Extracted information:
########

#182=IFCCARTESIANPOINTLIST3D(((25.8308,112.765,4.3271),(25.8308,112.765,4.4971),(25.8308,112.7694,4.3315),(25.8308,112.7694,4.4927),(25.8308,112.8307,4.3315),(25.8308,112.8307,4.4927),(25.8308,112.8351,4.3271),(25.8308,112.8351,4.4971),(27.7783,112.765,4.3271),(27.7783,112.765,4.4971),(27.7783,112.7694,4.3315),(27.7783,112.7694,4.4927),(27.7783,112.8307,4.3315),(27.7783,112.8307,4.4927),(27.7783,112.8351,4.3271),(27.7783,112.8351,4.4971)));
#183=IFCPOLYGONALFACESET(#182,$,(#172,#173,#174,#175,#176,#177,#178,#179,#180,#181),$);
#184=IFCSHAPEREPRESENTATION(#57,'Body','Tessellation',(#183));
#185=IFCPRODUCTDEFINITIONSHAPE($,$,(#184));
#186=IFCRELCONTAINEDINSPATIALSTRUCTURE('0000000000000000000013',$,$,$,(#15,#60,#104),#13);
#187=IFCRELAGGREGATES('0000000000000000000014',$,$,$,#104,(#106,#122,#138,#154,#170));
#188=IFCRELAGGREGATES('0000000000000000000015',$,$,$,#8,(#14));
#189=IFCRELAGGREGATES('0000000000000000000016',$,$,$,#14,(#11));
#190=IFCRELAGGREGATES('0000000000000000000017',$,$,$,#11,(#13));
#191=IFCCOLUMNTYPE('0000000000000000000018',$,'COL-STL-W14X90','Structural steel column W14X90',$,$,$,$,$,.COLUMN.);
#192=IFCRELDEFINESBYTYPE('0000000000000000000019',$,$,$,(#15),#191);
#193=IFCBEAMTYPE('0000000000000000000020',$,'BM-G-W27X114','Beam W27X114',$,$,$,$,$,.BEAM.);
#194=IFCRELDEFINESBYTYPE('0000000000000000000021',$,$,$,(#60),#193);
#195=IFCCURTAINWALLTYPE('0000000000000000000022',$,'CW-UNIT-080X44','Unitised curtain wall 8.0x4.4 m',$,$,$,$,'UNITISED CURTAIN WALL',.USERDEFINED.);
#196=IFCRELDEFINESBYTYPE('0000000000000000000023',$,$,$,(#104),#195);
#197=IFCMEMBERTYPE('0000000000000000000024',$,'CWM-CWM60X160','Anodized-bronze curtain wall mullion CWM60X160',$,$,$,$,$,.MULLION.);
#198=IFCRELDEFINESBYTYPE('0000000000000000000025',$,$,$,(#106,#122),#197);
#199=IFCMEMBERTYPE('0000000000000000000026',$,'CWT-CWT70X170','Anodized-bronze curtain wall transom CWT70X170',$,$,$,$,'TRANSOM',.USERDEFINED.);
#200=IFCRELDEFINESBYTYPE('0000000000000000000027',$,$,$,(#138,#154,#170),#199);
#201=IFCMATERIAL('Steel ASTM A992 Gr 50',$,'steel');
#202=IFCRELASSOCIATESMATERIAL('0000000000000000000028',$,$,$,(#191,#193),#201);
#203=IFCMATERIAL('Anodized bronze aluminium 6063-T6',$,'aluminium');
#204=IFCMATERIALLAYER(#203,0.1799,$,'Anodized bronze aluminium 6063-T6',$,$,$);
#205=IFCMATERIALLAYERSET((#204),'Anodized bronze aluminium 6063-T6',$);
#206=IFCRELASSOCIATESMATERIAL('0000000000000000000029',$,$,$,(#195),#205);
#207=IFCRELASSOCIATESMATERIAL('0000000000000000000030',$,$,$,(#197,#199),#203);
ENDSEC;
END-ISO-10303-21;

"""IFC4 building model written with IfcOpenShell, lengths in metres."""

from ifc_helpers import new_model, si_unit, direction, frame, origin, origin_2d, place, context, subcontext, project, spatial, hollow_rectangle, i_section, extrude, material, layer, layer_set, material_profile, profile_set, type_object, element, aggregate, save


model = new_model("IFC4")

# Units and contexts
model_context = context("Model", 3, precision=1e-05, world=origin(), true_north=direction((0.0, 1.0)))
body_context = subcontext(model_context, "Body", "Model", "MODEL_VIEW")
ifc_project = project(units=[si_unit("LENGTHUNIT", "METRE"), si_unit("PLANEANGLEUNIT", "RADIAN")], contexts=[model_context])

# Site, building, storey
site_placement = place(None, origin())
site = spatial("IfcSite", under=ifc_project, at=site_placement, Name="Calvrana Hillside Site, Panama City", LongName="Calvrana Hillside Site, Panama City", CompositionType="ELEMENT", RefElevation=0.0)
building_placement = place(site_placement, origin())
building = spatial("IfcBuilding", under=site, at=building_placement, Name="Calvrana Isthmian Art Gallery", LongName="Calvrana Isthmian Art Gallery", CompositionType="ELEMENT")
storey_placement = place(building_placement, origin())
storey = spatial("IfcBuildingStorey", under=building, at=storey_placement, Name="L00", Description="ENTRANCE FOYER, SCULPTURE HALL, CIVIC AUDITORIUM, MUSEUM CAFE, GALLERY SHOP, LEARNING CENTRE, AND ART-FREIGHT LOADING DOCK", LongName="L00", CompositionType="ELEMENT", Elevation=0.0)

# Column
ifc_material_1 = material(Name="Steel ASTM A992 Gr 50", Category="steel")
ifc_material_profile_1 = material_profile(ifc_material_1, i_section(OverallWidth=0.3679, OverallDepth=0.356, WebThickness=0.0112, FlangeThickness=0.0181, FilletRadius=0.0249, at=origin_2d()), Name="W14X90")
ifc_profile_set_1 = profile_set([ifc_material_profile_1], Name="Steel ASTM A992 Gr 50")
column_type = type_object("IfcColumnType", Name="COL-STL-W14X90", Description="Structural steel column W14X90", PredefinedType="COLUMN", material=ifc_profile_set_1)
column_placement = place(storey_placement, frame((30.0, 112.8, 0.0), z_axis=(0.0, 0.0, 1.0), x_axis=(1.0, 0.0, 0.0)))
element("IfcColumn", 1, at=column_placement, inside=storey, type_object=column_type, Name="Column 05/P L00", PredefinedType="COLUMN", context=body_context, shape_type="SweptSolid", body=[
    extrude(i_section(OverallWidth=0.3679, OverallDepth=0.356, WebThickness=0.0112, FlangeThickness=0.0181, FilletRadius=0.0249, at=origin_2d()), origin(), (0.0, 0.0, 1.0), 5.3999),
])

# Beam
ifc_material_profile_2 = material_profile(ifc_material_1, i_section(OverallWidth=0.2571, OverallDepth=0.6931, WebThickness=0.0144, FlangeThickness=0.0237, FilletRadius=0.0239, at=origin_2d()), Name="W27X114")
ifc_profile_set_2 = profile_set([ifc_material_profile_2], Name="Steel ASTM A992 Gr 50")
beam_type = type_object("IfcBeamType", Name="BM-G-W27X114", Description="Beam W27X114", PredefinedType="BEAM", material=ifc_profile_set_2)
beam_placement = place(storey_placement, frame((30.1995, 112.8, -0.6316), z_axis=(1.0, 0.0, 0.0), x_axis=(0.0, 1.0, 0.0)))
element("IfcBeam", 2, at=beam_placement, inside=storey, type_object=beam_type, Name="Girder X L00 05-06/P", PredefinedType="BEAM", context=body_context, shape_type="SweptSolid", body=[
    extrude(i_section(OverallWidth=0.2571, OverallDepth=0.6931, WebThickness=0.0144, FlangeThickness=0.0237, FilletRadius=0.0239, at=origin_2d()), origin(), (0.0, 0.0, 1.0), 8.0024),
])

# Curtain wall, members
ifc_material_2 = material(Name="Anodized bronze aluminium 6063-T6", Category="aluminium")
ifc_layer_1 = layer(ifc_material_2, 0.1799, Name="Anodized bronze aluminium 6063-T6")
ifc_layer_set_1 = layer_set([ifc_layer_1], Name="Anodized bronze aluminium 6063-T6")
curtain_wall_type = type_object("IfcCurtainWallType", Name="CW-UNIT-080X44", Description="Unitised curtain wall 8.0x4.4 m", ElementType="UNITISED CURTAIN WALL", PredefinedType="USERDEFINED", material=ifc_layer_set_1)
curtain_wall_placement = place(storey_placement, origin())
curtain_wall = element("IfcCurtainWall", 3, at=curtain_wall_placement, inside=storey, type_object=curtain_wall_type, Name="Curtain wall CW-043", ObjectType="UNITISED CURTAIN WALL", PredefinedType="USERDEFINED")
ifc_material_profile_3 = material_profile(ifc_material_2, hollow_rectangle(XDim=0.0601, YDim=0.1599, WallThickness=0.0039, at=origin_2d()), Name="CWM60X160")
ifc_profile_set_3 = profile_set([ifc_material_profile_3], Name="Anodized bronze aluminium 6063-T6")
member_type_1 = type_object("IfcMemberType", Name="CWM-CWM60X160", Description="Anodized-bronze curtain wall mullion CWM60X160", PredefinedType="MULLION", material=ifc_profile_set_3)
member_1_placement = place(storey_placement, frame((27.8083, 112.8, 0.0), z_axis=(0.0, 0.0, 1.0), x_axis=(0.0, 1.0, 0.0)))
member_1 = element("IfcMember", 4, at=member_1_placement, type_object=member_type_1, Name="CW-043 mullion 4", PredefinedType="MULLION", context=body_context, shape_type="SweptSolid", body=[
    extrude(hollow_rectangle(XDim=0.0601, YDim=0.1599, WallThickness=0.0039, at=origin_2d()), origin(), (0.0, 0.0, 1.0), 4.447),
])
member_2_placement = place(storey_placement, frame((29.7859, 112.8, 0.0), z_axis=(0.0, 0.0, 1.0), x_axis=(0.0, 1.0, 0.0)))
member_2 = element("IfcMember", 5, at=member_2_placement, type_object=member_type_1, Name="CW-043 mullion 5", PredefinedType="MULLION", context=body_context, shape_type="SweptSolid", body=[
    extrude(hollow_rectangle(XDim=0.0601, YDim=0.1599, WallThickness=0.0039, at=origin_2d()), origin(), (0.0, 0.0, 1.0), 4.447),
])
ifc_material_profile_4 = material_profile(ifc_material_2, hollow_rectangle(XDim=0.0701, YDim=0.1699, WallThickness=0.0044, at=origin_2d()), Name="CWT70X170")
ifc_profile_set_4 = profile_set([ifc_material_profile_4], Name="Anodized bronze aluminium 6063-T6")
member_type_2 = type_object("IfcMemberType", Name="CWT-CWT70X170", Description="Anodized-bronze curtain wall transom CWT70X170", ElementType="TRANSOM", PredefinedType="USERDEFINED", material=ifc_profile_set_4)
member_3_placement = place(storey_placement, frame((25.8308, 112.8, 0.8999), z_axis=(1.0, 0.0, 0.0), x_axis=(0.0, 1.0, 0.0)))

########

Description of the task:
Lines holding "IFCRELASSOCIATESMATERIAL" in the material above are to be reported.

Response to this exercise:
#202=IFCRELASSOCIATESMATERIAL('0000000000000000000028',$,$,$,(#191,#193),#201);
#206=IFCRELASSOCIATESMATERIAL('0000000000000000000029',$,$,$,(#195),#205);
#207=IFCRELASSOCIATESMATERIAL('0000000000000000000030',$,$,$,(#197,#199),#203);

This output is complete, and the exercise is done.